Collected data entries
__________________________________________________
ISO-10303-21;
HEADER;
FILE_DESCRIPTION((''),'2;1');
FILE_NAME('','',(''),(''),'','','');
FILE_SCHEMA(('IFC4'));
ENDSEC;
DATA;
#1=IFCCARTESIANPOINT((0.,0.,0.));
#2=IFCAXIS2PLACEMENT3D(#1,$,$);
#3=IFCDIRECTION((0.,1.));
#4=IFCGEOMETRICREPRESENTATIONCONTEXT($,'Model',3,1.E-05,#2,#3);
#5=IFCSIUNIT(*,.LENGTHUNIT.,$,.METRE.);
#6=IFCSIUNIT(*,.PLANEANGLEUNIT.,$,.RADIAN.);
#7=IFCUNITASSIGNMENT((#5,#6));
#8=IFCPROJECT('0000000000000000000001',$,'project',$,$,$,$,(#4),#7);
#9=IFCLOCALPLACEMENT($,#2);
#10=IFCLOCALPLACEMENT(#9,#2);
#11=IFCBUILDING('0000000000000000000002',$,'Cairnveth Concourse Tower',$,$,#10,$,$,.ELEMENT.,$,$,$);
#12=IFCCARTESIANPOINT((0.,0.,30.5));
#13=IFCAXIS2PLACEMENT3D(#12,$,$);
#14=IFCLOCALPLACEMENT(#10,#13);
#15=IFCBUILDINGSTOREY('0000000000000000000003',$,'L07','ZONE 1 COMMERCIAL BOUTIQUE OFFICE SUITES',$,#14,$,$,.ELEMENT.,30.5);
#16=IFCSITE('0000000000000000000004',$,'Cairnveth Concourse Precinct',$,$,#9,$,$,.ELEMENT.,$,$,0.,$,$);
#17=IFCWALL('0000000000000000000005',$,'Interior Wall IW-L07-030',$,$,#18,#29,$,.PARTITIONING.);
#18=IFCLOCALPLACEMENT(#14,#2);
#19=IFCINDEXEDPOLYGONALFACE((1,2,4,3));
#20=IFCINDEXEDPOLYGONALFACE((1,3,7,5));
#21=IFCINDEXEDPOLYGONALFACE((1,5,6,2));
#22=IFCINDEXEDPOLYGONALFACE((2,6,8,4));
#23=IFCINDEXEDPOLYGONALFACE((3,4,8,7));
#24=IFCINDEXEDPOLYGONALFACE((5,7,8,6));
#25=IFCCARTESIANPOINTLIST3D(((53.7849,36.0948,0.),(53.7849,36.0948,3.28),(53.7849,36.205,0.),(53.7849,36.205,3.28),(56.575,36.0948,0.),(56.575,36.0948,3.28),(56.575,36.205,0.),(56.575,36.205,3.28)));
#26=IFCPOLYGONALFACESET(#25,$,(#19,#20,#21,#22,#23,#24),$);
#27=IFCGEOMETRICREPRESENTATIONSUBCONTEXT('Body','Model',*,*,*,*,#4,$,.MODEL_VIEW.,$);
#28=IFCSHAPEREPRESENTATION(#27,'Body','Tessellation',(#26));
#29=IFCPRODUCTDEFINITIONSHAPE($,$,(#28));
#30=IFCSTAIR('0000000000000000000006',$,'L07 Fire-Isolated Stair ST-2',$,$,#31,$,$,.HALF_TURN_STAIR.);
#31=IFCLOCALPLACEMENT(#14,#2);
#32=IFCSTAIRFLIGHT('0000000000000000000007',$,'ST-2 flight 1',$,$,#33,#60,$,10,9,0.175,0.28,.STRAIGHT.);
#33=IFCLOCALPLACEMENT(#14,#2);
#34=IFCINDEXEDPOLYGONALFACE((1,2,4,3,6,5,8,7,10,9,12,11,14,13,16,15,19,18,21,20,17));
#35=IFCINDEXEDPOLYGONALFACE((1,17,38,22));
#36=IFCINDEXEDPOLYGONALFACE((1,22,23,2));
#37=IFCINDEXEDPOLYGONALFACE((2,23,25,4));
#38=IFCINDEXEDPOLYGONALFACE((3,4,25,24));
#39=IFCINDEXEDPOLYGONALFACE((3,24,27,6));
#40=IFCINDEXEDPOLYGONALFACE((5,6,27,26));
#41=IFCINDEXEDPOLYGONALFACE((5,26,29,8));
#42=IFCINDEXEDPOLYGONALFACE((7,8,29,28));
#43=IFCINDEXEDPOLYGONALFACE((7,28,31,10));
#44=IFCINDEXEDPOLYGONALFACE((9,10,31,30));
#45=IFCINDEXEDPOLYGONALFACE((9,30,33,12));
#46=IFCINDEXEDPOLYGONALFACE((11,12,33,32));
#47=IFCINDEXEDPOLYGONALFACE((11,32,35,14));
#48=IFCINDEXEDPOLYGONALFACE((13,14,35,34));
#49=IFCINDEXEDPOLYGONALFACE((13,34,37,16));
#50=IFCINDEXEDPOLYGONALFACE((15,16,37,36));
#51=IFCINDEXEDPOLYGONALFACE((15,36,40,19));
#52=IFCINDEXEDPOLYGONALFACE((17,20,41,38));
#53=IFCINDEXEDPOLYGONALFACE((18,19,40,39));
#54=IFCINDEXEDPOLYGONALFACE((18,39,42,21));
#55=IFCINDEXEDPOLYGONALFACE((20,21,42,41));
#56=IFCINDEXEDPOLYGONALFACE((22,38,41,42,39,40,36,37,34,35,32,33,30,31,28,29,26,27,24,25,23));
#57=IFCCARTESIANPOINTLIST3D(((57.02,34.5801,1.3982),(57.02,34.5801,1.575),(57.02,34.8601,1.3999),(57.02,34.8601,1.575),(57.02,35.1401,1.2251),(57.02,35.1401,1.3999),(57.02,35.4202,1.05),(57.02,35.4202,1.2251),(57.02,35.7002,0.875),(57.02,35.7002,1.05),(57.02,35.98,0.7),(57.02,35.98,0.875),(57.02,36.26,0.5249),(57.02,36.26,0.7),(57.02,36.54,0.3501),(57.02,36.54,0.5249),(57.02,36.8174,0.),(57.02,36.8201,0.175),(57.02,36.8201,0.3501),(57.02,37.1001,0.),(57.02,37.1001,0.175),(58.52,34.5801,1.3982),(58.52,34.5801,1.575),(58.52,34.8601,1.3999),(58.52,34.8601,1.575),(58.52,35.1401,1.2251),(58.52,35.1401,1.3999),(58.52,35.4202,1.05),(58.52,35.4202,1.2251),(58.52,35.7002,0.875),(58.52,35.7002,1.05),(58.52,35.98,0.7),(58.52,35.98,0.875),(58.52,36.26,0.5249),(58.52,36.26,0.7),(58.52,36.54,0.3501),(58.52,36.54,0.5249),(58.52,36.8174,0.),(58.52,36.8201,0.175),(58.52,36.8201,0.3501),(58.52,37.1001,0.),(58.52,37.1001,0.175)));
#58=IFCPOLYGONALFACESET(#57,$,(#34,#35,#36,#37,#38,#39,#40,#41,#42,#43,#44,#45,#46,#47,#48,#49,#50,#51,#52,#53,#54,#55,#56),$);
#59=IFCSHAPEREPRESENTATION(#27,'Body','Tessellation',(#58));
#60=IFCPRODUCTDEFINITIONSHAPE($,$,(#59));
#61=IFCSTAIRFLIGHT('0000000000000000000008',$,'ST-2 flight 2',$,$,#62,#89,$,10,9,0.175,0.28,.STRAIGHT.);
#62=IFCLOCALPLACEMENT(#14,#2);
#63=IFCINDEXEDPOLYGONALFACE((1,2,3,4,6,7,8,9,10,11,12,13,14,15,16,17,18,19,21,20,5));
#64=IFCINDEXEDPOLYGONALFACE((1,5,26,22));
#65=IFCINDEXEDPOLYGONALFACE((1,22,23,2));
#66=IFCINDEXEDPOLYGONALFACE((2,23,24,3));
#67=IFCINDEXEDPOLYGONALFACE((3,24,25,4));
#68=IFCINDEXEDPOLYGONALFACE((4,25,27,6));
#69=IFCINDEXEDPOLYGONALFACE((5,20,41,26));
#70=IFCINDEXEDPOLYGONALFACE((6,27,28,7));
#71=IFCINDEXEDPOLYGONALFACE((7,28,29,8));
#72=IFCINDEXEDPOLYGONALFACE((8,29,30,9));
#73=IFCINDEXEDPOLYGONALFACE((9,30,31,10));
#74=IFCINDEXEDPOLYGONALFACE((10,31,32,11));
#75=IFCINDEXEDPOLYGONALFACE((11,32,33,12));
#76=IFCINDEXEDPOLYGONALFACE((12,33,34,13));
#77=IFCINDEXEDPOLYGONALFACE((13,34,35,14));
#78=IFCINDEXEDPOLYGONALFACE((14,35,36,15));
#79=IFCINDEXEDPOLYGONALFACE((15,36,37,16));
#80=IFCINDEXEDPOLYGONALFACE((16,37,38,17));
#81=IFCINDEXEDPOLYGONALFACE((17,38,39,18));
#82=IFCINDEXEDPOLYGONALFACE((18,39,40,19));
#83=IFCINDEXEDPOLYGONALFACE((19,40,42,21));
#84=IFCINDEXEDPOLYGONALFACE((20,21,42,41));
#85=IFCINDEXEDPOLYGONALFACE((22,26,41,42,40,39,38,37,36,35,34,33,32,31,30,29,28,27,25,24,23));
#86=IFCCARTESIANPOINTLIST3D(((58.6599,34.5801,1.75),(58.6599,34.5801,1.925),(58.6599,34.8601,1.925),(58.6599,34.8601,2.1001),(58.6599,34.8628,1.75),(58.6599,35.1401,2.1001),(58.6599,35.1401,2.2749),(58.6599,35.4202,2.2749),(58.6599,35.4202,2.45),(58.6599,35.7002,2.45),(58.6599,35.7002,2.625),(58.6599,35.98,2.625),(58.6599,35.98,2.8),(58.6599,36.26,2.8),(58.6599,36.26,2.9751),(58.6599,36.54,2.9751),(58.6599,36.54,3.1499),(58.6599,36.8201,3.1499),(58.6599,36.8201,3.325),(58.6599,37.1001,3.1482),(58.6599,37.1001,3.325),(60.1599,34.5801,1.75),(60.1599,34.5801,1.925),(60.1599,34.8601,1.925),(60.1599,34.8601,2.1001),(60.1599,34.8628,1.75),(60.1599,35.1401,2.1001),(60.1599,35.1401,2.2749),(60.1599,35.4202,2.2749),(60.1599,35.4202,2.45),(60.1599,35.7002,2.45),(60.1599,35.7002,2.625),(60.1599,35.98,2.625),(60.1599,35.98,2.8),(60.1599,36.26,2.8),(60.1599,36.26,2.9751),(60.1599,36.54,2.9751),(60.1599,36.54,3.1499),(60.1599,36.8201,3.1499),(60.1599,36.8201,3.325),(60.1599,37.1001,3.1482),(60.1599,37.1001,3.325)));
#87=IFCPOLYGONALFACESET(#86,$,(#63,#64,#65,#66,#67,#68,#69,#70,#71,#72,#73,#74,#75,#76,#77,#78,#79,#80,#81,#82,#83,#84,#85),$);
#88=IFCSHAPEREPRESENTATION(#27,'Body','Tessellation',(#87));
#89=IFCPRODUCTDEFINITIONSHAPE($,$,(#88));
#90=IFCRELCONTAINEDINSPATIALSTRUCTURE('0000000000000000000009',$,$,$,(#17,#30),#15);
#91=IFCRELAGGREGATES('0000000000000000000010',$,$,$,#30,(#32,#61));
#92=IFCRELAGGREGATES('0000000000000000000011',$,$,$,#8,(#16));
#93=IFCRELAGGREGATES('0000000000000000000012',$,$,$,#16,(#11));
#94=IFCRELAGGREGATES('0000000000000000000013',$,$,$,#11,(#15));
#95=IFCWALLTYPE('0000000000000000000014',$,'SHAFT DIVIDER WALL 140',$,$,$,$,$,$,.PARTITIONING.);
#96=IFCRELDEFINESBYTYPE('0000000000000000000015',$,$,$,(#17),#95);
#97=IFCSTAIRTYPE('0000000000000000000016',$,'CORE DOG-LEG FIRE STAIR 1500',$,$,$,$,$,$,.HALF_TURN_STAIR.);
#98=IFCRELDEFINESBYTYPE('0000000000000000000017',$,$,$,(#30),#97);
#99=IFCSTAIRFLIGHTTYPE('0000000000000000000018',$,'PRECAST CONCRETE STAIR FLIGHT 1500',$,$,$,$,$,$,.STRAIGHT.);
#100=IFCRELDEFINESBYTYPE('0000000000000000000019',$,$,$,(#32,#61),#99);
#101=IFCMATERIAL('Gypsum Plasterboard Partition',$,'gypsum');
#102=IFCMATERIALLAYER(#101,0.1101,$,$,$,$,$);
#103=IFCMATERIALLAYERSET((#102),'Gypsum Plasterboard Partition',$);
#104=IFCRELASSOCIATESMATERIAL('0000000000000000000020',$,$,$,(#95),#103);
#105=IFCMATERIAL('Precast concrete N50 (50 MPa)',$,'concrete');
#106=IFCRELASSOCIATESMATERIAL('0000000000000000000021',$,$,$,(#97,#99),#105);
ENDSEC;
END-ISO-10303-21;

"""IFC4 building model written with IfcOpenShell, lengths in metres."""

from ifc_helpers import new_model, si_unit, direction, frame, frame_2d, origin, place, context, subcontext, project, spatial, polyline, rectangle, outline, extrude, material, layer, layer_set, type_object, element, aggregate, save


model = new_model("IFC4")

# Units and contexts
model_context = context("Model", 3, precision=1e-05, world=origin(), true_north=direction((0.0, 1.0)))
body_context = subcontext(model_context, "Body", "Model", "MODEL_VIEW")
ifc_project = project(units=[si_unit("LENGTHUNIT", "METRE"), si_unit("PLANEANGLEUNIT", "RADIAN")], contexts=[model_context])

# Site, building, storey
site_placement = place(None, origin())
site = spatial("IfcSite", under=ifc_project, at=site_placement, Name="Cairnveth Concourse Precinct", CompositionType="ELEMENT", RefElevation=0.0)
building_placement = place(site_placement, origin())
building = spatial("IfcBuilding", under=site, at=building_placement, Name="Cairnveth Concourse Tower", CompositionType="ELEMENT")
storey_placement = place(building_placement, frame((0.0, 0.0, 30.5)))
storey = spatial("IfcBuildingStorey", under=building, at=storey_placement, Name="L07", Description="ZONE 1 COMMERCIAL BOUTIQUE OFFICE SUITES", CompositionType="ELEMENT", Elevation=30.5)

# Wall
ifc_material_1 = material(Name="Gypsum Plasterboard Partition", Category="gypsum")
ifc_layer_1 = layer(ifc_material_1, 0.1101)
ifc_layer_set_1 = layer_set([ifc_layer_1], Name="Gypsum Plasterboard Partition")
wall_type_1 = type_object("IfcWallType", Name="SHAFT DIVIDER WALL 140", PredefinedType="PARTITIONING", material=ifc_layer_set_1)
for number, where, z_axis, x_axis, name in (
    (1, (53.7849, 36.1499, 0.0), (0.0, 0.0, 1.0), (1.0, 0.0, 0.0), "Interior Wall IW-L07-030"),
):
    element("IfcWall", number, at=place(storey_placement, frame(where, z_axis=z_axis, x_axis=x_axis)), inside=storey, type_object=wall_type_1, Name=name, PredefinedType="PARTITIONING", context=body_context, shape_type="SweptSolid", body=[
        extrude(rectangle(XDim=2.79, YDim=0.1101, at=frame_2d((1.395, 0.0))), origin(), (0.0, 0.0, 1.0), 3.28),
    ])

# Stair, stair flights
ifc_material_2 = material(Name="Precast concrete N50 (50 MPa)", Category="concrete")
stair_type = type_object("IfcStairType", Name="CORE DOG-LEG FIRE STAIR 1500", PredefinedType="HALF_TURN_STAIR", material=ifc_material_2)
stair_placement = place(storey_placement, origin())
stair = element("IfcStair", 2, at=stair_placement, inside=storey, type_object=stair_type, Name="L07 Fire-Isolated Stair ST-2", PredefinedType="HALF_TURN_STAIR")
stair_flight_type = type_object("IfcStairFlightType", Name="PRECAST CONCRETE STAIR FLIGHT 1500", PredefinedType="STRAIGHT", material=ifc_material_2)
stair_flight_1_placement = place(storey_placement, frame((57.77, 37.1001, 0.0), z_axis=(0.0, 0.0, 1.0), x_axis=(0.0, -1.0, 0.0)))
stair_flight_1 = element("IfcStairFlight", 3, at=stair_flight_1_placement, type_object=stair_flight_type, Name="ST-2 flight 1", NumberOfRisers=10, NumberOfTreads=9, PredefinedType="STRAIGHT", RiserHeight=0.175, TreadLength=0.28, context=body_context, shape_type="SweptSolid", body=[
    extrude(outline(polyline([(0.0, 0.0), (0.0, 0.175), (0.28, 0.175), (0.28, 0.3501), (0.5601, 0.3501), (0.5601, 0.5249), (0.8401, 0.5249), (0.8401, 0.7), (1.1201, 0.7), (1.1201, 0.875), (1.3999, 0.875), (1.3999, 1.05), (1.6799, 1.05), (1.6799, 1.2251), (1.96, 1.2251), (1.96, 1.3999), (2.24, 1.3999), (2.24, 1.575), (2.52, 1.575), (2.52, 1.75), (2.52, 1.3982), (0.2827, 0.0), (0.0, 0.0)])), frame((0.0, 0.75, 0.0), z_axis=(0.0, -1.0, 0.0), x_axis=(1.0, 0.0, 0.0)), (0.0, 0.0, 1.0), 1.5),
])
stair_flight_2_placement = place(storey_placement, frame((59.4099, 34.5801, 1.75), z_axis=(0.0, 0.0, 1.0), x_axis=(0.0, 1.0, 0.0)))
stair_flight_2 = element("IfcStairFlight", 4, at=stair_flight_2_placement, type_object=stair_flight_type, Name="ST-2 flight 2", NumberOfRisers=10, NumberOfTreads=9, PredefinedType="STRAIGHT", RiserHeight=0.175, TreadLength=0.28, context=body_context, shape_type="SweptSolid", body=[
__________________________________________________
[TASK ITEM]
Copy the records above exactly, beginning at the line that contains "#33=IFCLOCALPLACEMENT(#14,#2);" and stopping after the line that contains "#55=IFCINDEXEDPOLYGONALFACE((20,21,42,41));".

[EXERCISE RESULT]
#33=IFCLOCALPLACEMENT(#14,#2);
#34=IFCINDEXEDPOLYGONALFACE((1,2,4,3,6,5,8,7,10,9,12,11,14,13,16,15,19,18,21,20,17));
#35=IFCINDEXEDPOLYGONALFACE((1,17,38,22));
#36=IFCINDEXEDPOLYGONALFACE((1,22,23,2));
#37=IFCINDEXEDPOLYGONALFACE((2,23,25,4));
#38=IFCINDEXEDPOLYGONALFACE((3,4,25,24));
#39=IFCINDEXEDPOLYGONALFACE((3,24,27,6));
#40=IFCINDEXEDPOLYGONALFACE((5,6,27,26));
#41=IFCINDEXEDPOLYGONALFACE((5,26,29,8));
#42=IFCINDEXEDPOLYGONALFACE((7,8,29,28));
#43=IFCINDEXEDPOLYGONALFACE((7,28,31,10));
#44=IFCINDEXEDPOLYGONALFACE((9,10,31,30));
#45=IFCINDEXEDPOLYGONALFACE((9,30,33,12));
#46=IFCINDEXEDPOLYGONALFACE((11,12,33,32));
#47=IFCINDEXEDPOLYGONALFACE((11,32,35,14));
#48=IFCINDEXEDPOLYGONALFACE((13,14,35,34));
#49=IFCINDEXEDPOLYGONALFACE((13,34,37,16));
#50=IFCINDEXEDPOLYGONALFACE((15,16,37,36));
#51=IFCINDEXEDPOLYGONALFACE((15,36,40,19));
#52=IFCINDEXEDPOLYGONALFACE((17,20,41,38));
#53=IFCINDEXEDPOLYGONALFACE((18,19,40,39));
#54=IFCINDEXEDPOLYGONALFACE((18,39,42,21));
#55=IFCINDEXEDPOLYGONALFACE((20,21,42,41));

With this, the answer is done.